BEGIN Data supplied
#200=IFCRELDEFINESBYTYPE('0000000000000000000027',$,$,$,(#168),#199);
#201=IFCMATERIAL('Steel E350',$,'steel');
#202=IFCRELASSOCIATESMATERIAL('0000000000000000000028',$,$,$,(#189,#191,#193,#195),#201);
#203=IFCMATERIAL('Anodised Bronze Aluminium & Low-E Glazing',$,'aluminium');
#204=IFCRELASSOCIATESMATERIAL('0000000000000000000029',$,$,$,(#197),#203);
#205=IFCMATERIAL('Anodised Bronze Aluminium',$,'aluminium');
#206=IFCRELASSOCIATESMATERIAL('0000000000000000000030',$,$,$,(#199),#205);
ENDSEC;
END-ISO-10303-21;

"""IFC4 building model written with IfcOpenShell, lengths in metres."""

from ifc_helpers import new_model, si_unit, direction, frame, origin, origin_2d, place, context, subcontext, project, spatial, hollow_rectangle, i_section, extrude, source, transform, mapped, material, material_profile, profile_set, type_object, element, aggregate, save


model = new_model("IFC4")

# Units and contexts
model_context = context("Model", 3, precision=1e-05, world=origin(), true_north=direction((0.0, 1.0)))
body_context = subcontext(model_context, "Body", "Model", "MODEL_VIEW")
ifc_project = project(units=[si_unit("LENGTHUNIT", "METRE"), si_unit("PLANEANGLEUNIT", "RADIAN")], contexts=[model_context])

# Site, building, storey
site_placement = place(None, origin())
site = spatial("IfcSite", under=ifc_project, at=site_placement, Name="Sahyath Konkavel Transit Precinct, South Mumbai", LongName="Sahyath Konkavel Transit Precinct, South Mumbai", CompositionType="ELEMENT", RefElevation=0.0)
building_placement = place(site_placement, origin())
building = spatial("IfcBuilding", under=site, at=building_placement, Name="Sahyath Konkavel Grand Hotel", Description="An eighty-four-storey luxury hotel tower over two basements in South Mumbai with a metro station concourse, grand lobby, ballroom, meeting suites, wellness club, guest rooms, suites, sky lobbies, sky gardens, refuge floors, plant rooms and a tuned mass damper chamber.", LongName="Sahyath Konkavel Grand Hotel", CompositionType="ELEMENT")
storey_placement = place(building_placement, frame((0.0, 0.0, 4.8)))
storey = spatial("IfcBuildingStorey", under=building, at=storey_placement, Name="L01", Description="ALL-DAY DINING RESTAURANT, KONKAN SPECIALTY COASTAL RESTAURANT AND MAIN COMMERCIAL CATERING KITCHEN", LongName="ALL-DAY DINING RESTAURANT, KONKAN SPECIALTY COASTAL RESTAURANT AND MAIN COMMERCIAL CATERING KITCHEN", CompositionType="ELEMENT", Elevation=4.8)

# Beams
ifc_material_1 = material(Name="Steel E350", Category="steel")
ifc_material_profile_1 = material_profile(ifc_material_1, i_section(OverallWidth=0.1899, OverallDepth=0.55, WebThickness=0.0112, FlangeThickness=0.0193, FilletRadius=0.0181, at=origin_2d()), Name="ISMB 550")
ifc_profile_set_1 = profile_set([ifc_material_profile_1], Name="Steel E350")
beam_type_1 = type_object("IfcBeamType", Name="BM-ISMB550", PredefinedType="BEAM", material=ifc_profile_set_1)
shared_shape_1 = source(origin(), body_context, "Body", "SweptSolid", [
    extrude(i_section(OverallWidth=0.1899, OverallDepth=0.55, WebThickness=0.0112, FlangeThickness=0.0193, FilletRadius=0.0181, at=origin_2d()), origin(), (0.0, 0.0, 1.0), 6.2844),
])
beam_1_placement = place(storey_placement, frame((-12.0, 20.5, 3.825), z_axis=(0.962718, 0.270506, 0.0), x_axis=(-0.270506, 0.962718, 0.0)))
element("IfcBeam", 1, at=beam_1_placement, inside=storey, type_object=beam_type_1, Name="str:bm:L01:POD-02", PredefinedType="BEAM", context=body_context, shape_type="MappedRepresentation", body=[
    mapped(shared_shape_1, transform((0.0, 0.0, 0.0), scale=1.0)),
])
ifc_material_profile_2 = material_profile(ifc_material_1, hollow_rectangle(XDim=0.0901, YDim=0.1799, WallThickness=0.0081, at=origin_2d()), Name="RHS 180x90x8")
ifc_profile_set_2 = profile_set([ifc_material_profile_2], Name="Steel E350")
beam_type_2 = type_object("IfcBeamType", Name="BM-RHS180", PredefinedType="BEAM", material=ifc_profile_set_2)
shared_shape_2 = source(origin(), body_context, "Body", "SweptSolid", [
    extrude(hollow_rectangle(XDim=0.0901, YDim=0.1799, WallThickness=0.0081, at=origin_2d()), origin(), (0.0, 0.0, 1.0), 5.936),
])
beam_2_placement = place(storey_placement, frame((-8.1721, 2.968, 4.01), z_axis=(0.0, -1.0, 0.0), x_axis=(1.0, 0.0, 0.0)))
END Data supplied
BEGIN Data supplied
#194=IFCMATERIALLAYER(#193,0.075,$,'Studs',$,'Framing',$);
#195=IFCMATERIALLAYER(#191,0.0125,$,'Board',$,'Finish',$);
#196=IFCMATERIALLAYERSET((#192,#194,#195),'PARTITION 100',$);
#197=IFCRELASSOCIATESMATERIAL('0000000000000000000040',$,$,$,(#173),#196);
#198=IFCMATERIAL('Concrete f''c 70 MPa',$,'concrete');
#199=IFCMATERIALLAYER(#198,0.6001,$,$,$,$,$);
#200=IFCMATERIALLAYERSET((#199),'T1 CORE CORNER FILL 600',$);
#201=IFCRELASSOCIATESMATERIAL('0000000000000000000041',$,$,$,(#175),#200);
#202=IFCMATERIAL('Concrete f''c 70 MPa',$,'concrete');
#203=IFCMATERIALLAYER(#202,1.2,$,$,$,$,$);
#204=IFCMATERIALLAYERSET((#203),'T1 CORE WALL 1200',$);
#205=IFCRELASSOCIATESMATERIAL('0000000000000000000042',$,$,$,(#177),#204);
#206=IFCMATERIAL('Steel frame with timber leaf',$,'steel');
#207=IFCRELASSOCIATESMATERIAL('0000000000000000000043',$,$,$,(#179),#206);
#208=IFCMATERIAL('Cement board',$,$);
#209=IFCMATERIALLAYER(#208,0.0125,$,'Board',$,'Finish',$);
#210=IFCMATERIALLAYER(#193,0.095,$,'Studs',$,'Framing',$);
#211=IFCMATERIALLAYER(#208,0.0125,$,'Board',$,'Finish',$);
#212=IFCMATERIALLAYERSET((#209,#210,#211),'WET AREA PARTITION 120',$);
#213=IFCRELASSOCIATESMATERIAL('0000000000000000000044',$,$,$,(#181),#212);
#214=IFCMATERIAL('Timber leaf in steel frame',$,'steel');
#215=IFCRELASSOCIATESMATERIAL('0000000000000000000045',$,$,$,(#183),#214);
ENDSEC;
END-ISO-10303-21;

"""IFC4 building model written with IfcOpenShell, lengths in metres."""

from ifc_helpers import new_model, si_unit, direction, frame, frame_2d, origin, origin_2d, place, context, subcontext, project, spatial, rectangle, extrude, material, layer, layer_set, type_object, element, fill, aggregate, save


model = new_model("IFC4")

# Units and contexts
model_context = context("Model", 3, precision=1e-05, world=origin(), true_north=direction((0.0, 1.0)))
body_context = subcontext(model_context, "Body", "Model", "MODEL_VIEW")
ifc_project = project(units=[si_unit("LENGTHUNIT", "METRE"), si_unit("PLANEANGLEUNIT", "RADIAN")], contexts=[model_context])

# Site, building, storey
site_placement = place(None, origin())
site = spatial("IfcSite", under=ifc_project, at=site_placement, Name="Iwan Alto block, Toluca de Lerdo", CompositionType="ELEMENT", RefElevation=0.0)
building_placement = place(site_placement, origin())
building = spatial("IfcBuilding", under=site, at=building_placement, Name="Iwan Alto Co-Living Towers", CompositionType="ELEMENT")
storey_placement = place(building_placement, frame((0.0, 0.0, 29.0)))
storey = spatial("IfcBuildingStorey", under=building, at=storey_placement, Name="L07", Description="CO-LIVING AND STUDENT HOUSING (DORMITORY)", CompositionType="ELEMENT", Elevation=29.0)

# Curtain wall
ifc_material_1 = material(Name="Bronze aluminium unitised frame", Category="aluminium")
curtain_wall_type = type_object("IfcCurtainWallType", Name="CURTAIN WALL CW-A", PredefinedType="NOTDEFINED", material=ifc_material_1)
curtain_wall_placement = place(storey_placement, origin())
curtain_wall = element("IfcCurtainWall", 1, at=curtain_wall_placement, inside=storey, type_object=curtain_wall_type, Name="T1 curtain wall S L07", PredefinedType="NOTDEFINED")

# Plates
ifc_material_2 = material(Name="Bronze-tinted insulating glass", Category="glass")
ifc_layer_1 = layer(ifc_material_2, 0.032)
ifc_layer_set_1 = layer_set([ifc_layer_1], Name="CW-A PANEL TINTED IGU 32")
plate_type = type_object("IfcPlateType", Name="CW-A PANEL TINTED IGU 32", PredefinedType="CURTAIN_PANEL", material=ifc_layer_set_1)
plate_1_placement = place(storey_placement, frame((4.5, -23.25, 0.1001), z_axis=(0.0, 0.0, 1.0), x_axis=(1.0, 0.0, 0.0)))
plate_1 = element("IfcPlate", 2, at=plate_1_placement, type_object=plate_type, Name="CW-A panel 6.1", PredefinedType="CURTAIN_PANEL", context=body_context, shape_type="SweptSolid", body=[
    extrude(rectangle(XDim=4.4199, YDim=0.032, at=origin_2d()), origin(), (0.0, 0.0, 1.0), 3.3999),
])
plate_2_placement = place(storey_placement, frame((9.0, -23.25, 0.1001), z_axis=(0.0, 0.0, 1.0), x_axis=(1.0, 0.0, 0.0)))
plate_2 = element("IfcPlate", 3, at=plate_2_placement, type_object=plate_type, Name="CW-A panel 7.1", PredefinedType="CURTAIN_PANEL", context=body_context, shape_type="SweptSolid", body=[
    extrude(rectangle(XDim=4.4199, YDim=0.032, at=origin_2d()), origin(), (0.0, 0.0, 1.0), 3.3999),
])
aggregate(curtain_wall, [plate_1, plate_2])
END Data supplied
BEGIN Data supplied
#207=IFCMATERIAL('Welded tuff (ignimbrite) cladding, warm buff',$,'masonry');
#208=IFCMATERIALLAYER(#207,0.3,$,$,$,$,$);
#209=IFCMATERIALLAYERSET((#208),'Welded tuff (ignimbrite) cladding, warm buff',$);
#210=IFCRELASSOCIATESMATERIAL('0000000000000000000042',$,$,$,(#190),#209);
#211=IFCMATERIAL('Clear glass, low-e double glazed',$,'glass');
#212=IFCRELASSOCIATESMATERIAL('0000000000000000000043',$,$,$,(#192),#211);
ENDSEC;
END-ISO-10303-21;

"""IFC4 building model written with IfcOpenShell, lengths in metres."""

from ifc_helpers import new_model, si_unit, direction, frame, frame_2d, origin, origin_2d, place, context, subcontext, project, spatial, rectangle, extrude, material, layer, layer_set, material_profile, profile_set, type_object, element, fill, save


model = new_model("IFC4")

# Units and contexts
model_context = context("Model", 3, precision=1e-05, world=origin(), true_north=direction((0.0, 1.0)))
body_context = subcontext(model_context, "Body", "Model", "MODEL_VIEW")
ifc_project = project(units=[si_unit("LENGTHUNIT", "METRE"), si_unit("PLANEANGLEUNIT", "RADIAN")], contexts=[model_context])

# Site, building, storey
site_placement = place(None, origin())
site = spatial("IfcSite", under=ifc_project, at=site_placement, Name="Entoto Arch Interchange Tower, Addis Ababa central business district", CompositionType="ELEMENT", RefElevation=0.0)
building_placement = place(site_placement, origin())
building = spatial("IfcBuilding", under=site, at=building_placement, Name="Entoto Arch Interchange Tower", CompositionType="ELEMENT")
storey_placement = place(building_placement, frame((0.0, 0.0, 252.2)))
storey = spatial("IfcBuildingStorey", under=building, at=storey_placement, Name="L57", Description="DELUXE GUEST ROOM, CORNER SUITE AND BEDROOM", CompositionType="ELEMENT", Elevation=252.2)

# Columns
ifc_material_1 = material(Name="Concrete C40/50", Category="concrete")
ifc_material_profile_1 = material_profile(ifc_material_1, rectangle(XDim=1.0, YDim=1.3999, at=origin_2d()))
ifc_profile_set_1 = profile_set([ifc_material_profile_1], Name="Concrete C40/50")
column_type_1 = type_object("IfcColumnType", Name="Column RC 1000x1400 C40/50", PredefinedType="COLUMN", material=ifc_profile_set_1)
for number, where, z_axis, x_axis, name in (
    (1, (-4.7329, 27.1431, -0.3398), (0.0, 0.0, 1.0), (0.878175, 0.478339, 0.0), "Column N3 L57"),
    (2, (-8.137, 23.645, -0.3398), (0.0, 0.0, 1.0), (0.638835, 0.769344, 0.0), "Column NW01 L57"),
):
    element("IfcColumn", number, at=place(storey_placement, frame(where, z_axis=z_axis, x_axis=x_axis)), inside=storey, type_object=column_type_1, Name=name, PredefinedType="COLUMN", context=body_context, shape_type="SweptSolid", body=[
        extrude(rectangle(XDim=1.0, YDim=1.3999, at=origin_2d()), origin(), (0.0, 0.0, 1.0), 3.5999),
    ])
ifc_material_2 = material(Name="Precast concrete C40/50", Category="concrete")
END Data supplied
Description of the task: Each line in the entries above, starting at the line with "#200=IFCMATERIALLAYERSET((#199),'T1 CORE CORNER" and ending at the line with "#204=IFCMATERIALLAYERSET((#203),'T1 CORE WALL", is to be printed exactly, and only those lines.

Your solution:
#200=IFCMATERIALLAYERSET((#199),'T1 CORE CORNER FILL 600',$);
#201=IFCRELASSOCIATESMATERIAL('0000000000000000000041',$,$,$,(#175),#200);
#202=IFCMATERIAL('Concrete f''c 70 MPa',$,'concrete');
#203=IFCMATERIALLAYER(#202,1.2,$,$,$,$,$);
#204=IFCMATERIALLAYERSET((#203),'T1 CORE WALL 1200',$);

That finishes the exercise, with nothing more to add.